[GIVEN INFORMATION]
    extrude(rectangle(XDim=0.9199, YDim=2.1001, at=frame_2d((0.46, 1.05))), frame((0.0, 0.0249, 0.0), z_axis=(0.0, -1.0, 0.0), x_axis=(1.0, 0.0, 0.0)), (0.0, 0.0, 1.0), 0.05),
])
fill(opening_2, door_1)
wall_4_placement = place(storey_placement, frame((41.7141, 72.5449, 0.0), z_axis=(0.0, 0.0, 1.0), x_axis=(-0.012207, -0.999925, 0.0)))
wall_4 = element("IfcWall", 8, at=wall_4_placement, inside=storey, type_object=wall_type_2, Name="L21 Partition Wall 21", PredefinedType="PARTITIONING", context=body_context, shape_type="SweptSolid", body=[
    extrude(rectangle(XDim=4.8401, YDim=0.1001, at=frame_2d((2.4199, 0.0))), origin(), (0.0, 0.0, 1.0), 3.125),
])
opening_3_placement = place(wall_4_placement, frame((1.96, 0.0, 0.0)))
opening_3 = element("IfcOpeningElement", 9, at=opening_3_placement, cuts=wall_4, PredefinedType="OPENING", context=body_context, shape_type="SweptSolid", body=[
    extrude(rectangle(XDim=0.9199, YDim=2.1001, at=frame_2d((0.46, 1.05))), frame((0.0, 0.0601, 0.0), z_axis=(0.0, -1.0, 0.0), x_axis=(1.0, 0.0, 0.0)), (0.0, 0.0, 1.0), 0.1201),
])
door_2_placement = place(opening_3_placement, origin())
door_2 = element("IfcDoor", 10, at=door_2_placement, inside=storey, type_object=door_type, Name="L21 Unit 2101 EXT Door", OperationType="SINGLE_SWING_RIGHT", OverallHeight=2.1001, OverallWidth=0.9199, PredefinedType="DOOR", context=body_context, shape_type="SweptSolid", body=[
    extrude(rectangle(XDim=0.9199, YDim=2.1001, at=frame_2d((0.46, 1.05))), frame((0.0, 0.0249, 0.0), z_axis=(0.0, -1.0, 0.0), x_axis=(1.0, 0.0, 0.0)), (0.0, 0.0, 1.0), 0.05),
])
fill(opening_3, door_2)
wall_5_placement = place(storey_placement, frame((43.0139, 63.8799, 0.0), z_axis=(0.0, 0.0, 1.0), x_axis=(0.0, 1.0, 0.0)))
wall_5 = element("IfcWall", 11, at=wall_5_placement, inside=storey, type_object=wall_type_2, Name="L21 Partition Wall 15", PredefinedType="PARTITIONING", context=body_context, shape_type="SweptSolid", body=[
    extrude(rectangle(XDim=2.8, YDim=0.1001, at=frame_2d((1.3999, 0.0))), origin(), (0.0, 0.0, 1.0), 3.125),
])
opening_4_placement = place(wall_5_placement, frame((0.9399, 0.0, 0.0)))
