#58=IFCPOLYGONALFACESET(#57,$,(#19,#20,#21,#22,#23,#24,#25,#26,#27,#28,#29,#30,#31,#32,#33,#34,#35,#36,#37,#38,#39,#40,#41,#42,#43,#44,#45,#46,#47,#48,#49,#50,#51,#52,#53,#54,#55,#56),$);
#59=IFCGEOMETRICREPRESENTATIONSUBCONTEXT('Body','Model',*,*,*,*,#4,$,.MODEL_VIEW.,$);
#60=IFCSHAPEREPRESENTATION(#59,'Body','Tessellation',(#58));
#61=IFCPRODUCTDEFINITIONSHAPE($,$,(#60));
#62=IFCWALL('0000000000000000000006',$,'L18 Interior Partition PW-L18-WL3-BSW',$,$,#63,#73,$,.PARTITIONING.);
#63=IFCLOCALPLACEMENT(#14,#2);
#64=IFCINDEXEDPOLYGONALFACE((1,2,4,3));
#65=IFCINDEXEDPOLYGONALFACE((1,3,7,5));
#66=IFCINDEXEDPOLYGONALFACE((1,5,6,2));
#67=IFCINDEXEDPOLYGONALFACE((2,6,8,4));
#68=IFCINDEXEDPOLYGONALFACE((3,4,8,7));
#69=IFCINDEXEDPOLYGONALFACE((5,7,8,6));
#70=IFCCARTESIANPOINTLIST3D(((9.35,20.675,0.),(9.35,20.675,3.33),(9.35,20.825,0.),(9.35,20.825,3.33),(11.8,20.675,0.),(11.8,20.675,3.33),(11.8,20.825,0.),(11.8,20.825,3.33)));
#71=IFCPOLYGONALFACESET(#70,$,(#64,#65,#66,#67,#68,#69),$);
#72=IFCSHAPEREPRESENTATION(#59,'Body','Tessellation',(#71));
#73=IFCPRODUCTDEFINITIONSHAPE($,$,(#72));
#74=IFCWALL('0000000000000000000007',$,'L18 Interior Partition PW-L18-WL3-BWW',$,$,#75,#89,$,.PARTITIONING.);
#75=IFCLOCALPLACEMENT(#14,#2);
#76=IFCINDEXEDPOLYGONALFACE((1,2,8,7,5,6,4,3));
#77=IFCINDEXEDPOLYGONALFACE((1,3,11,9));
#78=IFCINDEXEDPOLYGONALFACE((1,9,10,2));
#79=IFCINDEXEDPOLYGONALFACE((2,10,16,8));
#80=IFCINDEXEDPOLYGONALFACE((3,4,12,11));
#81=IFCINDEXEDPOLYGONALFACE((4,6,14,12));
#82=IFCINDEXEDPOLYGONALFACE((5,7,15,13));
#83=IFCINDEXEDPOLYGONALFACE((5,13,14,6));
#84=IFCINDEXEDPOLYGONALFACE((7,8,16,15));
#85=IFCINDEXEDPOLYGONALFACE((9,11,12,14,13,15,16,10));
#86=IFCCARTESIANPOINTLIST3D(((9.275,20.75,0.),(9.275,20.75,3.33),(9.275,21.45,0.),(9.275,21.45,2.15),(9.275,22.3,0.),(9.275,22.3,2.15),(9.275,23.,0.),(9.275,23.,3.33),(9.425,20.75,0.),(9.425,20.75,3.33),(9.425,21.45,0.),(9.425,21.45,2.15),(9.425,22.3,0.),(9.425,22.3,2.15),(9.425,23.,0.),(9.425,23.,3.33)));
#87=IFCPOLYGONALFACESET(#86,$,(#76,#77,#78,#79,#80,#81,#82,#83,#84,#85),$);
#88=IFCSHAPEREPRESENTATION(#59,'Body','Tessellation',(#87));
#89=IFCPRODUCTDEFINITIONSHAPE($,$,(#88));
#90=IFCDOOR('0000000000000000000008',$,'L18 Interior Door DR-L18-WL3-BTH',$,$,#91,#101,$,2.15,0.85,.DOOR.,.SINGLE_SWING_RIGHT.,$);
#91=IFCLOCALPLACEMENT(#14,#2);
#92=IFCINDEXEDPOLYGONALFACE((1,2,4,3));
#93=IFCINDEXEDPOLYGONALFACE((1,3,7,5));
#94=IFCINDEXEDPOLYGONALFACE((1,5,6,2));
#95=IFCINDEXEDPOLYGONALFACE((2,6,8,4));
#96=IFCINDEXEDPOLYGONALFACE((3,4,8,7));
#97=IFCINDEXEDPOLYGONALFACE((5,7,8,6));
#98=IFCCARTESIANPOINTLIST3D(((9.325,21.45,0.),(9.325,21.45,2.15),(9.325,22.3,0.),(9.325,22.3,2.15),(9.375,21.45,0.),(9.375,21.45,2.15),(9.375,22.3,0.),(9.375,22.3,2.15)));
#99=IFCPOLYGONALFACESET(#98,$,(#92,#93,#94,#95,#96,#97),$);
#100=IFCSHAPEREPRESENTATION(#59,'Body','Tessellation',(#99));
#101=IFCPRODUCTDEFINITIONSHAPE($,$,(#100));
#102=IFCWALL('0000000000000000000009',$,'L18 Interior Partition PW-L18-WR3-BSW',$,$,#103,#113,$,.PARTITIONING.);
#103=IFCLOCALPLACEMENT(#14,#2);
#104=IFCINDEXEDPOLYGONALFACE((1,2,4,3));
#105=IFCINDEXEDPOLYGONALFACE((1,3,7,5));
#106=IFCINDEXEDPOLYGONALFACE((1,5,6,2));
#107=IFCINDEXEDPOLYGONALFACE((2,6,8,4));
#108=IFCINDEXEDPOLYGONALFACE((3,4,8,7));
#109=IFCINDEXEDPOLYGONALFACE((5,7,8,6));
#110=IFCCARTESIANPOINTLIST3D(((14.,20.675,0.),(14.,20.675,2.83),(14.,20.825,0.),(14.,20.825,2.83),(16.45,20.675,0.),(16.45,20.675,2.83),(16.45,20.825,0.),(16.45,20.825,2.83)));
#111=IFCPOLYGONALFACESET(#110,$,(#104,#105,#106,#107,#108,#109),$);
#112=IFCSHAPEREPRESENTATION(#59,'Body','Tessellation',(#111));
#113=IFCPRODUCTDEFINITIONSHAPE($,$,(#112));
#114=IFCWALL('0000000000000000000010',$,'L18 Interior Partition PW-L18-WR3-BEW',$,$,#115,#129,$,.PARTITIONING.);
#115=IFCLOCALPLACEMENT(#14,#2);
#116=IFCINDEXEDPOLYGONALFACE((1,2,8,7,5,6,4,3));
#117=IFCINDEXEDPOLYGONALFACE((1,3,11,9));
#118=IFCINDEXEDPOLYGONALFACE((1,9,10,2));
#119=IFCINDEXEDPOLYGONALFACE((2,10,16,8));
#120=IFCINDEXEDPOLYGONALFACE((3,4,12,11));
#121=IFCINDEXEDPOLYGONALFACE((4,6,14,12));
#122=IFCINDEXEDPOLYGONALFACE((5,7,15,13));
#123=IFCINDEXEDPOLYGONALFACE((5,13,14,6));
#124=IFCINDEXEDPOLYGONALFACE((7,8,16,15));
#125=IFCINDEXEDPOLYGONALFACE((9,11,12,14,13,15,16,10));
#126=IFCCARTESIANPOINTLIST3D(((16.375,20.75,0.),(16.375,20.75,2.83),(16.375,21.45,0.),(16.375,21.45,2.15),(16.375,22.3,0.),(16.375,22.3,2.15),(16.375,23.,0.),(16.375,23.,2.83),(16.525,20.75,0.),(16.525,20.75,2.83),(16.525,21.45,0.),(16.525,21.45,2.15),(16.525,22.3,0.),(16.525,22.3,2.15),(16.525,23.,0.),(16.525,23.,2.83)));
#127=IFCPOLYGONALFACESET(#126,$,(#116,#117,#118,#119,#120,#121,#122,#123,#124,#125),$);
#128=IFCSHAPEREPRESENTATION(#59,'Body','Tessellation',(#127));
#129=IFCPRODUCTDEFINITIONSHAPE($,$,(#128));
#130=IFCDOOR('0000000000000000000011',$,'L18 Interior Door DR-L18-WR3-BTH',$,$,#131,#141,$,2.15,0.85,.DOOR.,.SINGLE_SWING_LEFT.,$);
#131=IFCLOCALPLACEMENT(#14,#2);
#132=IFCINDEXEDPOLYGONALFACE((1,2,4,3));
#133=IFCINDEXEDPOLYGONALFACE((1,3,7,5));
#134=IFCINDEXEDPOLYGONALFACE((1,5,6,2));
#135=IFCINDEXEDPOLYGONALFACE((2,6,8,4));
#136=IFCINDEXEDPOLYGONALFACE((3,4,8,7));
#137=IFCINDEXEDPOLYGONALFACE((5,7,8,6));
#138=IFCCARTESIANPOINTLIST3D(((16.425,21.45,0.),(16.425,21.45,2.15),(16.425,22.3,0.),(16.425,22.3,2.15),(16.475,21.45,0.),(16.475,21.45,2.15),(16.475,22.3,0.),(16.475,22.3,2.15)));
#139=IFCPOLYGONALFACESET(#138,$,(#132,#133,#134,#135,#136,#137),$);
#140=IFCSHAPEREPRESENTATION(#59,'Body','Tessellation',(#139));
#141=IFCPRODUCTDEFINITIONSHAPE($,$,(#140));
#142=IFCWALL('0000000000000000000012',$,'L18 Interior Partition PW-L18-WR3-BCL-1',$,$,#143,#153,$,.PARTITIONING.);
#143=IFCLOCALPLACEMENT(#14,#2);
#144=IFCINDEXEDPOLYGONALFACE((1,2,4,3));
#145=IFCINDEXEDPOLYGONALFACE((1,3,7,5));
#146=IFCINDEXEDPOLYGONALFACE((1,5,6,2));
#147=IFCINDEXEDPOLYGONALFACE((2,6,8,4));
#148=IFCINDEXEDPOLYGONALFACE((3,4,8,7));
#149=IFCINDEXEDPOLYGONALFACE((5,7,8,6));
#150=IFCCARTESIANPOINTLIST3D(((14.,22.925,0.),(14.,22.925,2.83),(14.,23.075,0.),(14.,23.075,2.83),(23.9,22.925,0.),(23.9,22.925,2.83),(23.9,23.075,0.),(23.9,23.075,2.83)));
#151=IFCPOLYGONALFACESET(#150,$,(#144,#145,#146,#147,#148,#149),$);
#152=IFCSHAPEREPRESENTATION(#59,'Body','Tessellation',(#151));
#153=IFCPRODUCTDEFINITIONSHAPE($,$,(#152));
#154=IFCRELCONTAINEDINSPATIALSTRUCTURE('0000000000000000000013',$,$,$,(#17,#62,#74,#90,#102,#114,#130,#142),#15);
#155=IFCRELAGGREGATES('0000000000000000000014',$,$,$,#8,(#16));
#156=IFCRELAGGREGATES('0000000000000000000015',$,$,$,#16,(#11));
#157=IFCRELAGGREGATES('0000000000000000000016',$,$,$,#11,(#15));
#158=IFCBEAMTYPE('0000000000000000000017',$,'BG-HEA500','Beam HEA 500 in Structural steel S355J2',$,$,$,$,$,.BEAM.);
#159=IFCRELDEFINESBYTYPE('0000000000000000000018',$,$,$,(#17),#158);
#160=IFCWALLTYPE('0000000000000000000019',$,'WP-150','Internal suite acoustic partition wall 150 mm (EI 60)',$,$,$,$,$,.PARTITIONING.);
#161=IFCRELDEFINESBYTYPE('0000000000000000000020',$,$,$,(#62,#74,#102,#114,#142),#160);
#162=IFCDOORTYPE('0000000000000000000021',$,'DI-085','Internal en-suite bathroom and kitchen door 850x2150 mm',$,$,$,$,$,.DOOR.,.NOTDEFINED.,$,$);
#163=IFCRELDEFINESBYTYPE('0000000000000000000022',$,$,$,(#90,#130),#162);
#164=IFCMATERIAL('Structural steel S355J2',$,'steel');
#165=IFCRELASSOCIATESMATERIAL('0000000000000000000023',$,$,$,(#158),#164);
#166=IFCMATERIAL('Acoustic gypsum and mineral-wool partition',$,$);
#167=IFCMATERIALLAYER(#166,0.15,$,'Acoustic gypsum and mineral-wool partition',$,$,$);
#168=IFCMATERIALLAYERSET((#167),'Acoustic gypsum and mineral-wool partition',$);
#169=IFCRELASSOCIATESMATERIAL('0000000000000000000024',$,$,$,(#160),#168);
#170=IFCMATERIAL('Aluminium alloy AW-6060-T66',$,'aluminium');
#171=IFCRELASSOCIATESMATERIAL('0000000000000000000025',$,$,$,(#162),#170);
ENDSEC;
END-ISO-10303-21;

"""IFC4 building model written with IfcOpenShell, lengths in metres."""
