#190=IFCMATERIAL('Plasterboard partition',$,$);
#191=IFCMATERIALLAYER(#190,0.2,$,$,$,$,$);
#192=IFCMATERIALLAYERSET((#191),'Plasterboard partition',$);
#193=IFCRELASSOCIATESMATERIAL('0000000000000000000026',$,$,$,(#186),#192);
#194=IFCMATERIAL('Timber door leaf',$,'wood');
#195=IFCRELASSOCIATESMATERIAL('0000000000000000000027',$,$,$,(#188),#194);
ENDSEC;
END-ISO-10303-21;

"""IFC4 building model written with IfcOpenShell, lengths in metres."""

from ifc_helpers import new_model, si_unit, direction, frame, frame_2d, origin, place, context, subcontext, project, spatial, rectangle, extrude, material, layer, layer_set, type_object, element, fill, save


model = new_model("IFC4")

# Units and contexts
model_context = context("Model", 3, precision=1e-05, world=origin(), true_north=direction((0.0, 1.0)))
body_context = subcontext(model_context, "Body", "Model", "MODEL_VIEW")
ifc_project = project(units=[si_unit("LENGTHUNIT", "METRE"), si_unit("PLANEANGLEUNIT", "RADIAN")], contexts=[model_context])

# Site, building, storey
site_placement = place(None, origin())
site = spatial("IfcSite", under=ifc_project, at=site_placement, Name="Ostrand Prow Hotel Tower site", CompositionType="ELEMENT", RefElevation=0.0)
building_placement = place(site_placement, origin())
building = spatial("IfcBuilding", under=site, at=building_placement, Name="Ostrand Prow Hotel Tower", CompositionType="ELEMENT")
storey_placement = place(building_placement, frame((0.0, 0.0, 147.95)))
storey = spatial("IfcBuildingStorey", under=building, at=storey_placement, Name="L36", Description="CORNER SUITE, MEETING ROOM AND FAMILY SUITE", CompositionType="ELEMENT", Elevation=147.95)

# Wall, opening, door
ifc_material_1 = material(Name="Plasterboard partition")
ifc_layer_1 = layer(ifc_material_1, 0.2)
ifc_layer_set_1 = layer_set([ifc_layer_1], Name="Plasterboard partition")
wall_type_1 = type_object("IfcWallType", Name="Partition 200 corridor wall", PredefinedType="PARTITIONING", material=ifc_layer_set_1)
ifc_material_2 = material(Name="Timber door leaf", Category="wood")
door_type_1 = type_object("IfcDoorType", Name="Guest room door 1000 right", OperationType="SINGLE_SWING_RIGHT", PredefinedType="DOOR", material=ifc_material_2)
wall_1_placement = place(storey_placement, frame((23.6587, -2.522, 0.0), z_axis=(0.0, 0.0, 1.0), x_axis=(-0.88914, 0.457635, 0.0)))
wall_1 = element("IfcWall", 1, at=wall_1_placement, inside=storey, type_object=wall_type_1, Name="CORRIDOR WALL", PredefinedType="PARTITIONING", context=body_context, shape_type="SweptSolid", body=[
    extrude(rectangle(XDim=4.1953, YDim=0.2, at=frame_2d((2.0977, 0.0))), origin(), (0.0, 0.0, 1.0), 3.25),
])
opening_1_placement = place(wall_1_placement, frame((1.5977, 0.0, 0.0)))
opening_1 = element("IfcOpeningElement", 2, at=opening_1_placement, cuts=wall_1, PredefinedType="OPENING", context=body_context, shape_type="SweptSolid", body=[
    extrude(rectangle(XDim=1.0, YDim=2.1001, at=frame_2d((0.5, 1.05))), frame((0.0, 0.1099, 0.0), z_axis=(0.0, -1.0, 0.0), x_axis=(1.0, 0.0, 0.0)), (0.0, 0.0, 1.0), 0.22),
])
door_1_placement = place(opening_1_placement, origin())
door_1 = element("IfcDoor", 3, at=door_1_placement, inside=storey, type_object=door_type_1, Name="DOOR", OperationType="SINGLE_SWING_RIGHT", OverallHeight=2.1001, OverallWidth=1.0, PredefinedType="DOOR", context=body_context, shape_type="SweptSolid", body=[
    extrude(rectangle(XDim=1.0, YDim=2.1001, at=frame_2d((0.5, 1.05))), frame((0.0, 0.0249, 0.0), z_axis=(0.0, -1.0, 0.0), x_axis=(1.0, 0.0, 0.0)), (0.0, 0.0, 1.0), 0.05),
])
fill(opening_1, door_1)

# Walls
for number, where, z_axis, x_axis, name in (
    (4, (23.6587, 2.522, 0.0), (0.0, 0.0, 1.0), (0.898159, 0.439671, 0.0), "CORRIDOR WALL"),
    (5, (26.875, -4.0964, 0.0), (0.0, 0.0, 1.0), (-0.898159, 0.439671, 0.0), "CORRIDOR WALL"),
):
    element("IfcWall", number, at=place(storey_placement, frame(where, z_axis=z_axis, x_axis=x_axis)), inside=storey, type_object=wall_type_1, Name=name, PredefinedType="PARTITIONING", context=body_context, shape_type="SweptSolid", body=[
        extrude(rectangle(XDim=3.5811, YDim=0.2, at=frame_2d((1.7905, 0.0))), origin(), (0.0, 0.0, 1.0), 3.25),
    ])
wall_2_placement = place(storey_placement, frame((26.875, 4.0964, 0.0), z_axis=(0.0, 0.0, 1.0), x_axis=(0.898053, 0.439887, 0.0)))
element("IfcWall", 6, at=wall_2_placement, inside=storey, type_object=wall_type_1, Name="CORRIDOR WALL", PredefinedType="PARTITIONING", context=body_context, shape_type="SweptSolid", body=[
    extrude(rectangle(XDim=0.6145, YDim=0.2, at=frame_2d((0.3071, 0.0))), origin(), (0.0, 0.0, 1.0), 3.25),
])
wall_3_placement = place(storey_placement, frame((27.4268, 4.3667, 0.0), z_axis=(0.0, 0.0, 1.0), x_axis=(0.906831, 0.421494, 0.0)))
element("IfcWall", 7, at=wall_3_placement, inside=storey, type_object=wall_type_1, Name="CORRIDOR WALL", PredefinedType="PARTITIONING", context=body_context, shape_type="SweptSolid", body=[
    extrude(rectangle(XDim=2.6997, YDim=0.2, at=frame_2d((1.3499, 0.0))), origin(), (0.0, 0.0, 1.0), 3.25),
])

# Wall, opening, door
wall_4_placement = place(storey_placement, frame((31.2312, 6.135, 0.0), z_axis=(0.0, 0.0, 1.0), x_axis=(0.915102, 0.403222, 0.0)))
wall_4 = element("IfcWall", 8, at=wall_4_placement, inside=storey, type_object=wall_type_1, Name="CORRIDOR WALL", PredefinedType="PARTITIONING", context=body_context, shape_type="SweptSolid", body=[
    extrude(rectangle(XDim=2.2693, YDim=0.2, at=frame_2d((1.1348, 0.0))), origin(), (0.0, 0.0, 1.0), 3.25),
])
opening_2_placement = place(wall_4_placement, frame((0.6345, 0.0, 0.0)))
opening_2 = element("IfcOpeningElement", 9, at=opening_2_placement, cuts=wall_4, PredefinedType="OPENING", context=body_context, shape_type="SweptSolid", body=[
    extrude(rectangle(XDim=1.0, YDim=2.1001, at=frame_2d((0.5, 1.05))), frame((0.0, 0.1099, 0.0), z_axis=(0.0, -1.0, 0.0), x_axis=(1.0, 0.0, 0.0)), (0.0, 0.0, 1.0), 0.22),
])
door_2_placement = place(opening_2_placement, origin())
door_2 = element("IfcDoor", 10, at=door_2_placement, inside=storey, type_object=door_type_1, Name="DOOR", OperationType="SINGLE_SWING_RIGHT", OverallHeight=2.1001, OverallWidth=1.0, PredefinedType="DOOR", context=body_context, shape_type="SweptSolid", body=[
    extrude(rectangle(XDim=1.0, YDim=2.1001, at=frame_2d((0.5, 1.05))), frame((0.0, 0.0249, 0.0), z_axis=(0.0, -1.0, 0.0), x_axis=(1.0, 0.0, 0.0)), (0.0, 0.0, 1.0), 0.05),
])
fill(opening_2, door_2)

[WHAT IS EXPECTED]
Gather each line of the records holding the string "IFCLOCALPLACEMENT".

[OUTPUT FOR THIS EXERCISE]
#63=IFCLOCALPLACEMENT(#14,#2);
#75=IFCLOCALPLACEMENT(#14,#2);
#91=IFCLOCALPLACEMENT(#14,#2);
#103=IFCLOCALPLACEMENT(#14,#2);
#115=IFCLOCALPLACEMENT(#14,#2);
#131=IFCLOCALPLACEMENT(#14,#2);
#143=IFCLOCALPLACEMENT(#14,#2);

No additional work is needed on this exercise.